(Dataset entries)
#####

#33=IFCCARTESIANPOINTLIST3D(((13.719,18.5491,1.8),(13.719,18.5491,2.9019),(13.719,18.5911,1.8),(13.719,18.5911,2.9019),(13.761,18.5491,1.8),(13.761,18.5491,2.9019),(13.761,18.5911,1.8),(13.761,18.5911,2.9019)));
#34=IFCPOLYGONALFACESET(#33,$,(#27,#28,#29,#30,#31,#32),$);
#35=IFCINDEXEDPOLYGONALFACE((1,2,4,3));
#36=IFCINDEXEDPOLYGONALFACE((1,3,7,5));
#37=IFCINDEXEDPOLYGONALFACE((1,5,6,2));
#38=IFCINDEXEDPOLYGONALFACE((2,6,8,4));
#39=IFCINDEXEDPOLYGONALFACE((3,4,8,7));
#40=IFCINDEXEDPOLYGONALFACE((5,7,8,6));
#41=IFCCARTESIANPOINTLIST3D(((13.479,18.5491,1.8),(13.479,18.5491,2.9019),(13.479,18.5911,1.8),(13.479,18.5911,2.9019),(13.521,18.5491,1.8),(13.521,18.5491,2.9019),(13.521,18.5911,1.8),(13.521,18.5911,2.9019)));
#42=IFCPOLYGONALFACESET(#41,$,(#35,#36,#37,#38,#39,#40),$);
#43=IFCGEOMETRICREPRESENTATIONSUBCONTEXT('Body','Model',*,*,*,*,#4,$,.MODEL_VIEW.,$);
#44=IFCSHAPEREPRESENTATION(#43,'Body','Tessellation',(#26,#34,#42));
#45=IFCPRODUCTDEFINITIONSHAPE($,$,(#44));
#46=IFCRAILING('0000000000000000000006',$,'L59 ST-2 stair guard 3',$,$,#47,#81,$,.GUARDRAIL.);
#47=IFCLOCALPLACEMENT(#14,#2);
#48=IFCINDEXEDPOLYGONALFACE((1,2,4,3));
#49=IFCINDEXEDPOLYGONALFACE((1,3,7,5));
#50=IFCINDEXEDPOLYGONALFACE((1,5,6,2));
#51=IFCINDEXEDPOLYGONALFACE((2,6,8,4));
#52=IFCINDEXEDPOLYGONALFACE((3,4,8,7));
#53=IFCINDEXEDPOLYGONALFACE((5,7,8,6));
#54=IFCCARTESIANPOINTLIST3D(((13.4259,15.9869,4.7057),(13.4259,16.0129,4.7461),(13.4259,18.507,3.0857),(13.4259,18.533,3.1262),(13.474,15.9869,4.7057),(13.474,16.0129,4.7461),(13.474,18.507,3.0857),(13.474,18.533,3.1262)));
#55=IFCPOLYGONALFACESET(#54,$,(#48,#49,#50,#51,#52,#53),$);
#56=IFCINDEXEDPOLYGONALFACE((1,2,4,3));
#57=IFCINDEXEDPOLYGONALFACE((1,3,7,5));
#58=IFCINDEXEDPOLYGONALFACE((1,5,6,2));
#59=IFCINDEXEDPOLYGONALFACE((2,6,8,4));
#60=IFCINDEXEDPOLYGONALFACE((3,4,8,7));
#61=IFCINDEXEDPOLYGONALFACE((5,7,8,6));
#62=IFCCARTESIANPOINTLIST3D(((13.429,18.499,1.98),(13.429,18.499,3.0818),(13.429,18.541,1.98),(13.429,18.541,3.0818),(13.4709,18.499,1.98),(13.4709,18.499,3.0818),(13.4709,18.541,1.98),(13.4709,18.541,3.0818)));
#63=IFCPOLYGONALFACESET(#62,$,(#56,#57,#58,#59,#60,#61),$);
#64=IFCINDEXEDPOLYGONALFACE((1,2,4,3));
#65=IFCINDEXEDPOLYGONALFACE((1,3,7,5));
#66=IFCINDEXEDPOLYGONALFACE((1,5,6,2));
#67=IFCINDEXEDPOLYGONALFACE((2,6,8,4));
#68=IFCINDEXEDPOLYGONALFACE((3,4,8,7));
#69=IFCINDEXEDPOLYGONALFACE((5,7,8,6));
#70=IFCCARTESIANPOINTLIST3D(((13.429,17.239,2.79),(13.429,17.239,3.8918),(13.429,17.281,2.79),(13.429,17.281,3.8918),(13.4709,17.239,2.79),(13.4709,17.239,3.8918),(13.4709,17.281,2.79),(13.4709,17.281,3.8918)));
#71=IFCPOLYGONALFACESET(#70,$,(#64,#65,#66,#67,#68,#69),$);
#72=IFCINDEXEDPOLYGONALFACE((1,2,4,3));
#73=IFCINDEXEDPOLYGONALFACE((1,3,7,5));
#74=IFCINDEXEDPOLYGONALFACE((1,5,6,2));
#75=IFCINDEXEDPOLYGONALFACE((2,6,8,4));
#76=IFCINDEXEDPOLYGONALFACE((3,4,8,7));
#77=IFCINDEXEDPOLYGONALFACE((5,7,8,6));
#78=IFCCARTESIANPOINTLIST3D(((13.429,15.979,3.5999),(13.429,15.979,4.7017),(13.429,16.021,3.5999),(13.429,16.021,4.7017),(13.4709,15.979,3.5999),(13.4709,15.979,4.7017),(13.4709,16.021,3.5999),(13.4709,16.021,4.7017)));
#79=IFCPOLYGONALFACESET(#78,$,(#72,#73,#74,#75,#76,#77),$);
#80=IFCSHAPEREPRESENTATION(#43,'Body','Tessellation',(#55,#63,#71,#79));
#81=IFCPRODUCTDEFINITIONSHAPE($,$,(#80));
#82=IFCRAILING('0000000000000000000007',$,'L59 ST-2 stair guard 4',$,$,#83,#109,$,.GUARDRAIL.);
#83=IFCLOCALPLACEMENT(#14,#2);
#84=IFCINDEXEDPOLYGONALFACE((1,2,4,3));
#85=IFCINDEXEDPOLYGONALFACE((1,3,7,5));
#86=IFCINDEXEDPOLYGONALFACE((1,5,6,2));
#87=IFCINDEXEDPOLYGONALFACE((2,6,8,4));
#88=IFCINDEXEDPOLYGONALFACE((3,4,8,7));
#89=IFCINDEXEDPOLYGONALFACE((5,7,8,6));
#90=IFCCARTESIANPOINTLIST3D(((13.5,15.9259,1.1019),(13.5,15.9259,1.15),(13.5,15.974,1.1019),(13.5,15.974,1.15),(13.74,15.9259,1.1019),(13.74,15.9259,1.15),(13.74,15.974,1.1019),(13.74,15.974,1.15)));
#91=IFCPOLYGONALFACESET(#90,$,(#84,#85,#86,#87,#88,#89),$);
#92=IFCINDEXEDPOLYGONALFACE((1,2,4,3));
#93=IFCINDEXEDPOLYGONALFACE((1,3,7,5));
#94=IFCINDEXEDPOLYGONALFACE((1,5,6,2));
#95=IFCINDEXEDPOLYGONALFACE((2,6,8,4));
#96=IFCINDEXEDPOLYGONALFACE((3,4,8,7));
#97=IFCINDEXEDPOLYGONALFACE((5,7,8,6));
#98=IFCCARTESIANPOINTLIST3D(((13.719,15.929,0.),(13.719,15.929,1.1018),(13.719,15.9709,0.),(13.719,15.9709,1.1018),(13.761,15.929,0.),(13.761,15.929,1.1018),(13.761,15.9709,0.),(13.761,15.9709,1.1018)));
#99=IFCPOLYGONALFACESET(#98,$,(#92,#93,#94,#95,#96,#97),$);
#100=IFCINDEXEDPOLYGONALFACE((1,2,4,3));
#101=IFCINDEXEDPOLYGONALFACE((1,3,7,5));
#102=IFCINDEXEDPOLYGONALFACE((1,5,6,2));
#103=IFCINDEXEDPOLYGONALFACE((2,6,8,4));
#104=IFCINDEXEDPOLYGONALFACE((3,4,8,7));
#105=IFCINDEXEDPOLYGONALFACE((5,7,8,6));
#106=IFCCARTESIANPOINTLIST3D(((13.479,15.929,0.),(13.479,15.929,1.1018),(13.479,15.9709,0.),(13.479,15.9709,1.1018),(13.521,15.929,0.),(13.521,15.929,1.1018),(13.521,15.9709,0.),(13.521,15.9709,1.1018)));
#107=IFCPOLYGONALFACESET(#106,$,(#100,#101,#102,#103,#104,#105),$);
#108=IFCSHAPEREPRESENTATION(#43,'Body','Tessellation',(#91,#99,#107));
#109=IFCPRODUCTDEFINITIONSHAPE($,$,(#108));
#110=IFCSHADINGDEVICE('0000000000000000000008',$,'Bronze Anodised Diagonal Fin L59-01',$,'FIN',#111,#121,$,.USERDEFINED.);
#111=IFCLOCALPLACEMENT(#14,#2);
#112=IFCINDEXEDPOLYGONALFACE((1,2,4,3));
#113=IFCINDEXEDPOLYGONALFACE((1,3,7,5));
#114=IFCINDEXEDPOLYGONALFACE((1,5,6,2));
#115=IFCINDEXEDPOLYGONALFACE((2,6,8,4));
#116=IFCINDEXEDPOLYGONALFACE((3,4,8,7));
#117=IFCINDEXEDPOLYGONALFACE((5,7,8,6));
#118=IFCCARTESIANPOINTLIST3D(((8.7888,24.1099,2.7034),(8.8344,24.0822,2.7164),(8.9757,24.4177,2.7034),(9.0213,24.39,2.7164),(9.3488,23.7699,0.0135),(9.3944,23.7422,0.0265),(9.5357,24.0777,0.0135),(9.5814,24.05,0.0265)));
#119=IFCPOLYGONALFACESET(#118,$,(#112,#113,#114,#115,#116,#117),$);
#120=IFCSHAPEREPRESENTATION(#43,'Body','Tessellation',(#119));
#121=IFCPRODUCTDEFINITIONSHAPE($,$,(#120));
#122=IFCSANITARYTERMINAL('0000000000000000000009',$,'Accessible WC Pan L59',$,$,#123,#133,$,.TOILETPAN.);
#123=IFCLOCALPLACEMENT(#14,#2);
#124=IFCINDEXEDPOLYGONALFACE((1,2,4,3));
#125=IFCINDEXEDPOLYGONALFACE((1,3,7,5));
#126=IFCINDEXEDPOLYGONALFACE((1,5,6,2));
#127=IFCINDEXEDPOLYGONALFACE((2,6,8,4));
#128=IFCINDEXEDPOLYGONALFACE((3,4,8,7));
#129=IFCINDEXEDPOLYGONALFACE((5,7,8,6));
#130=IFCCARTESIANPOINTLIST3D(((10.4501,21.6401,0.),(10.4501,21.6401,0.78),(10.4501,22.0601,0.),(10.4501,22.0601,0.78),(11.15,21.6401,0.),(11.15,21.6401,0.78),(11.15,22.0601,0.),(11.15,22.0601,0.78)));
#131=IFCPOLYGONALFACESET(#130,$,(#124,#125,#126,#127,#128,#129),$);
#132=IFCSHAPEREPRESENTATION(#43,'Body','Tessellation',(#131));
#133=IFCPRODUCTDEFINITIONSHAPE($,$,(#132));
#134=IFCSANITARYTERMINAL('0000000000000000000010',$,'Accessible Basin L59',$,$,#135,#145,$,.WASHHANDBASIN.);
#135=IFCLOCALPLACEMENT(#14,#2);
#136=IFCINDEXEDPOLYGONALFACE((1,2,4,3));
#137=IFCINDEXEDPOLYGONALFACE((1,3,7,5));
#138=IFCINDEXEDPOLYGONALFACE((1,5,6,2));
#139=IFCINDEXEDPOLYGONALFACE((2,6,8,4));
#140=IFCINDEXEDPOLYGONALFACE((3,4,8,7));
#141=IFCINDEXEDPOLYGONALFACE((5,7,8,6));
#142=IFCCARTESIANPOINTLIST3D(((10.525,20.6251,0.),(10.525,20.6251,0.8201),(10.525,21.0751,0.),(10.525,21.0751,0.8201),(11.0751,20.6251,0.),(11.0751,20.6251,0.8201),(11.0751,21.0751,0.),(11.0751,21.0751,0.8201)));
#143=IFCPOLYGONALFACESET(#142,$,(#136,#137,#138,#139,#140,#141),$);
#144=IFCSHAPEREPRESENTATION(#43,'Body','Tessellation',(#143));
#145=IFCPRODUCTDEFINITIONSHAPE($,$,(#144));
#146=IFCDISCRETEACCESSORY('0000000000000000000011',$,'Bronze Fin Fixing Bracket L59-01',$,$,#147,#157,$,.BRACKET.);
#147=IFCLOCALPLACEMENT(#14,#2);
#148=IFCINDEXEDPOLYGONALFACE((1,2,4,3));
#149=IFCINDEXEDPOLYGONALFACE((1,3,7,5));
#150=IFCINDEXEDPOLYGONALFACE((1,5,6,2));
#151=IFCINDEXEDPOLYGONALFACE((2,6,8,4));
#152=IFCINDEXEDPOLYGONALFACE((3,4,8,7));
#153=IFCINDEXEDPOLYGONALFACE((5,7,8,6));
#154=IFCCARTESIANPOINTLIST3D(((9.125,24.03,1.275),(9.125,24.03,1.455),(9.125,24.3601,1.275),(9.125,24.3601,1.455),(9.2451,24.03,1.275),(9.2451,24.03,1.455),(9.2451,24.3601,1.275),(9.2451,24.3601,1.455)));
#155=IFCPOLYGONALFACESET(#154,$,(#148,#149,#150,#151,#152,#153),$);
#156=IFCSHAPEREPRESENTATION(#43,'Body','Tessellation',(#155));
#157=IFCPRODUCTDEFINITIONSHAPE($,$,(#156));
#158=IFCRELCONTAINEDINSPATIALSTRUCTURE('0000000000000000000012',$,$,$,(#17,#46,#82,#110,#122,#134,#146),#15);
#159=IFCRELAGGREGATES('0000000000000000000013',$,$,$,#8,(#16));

#####

-- BRIEF --
Only the lines above from the one with "#52=IFCINDEXEDPOLYGONALFACE((3,4,8,7));" through the one with "#69=IFCINDEXEDPOLYGONALFACE((5,7,8,6));" should be duplicated, character for character.

-- ANSWER TO THIS EXERCISE --
#52=IFCINDEXEDPOLYGONALFACE((3,4,8,7));
#53=IFCINDEXEDPOLYGONALFACE((5,7,8,6));
#54=IFCCARTESIANPOINTLIST3D(((13.4259,15.9869,4.7057),(13.4259,16.0129,4.7461),(13.4259,18.507,3.0857),(13.4259,18.533,3.1262),(13.474,15.9869,4.7057),(13.474,16.0129,4.7461),(13.474,18.507,3.0857),(13.474,18.533,3.1262)));
#55=IFCPOLYGONALFACESET(#54,$,(#48,#49,#50,#51,#52,#53),$);
#56=IFCINDEXEDPOLYGONALFACE((1,2,4,3));
#57=IFCINDEXEDPOLYGONALFACE((1,3,7,5));
#58=IFCINDEXEDPOLYGONALFACE((1,5,6,2));
#59=IFCINDEXEDPOLYGONALFACE((2,6,8,4));
#60=IFCINDEXEDPOLYGONALFACE((3,4,8,7));
#61=IFCINDEXEDPOLYGONALFACE((5,7,8,6));
#62=IFCCARTESIANPOINTLIST3D(((13.429,18.499,1.98),(13.429,18.499,3.0818),(13.429,18.541,1.98),(13.429,18.541,3.0818),(13.4709,18.499,1.98),(13.4709,18.499,3.0818),(13.4709,18.541,1.98),(13.4709,18.541,3.0818)));
#63=IFCPOLYGONALFACESET(#62,$,(#56,#57,#58,#59,#60,#61),$);
#64=IFCINDEXEDPOLYGONALFACE((1,2,4,3));
#65=IFCINDEXEDPOLYGONALFACE((1,3,7,5));
#66=IFCINDEXEDPOLYGONALFACE((1,5,6,2));
#67=IFCINDEXEDPOLYGONALFACE((2,6,8,4));
#68=IFCINDEXEDPOLYGONALFACE((3,4,8,7));
#69=IFCINDEXEDPOLYGONALFACE((5,7,8,6));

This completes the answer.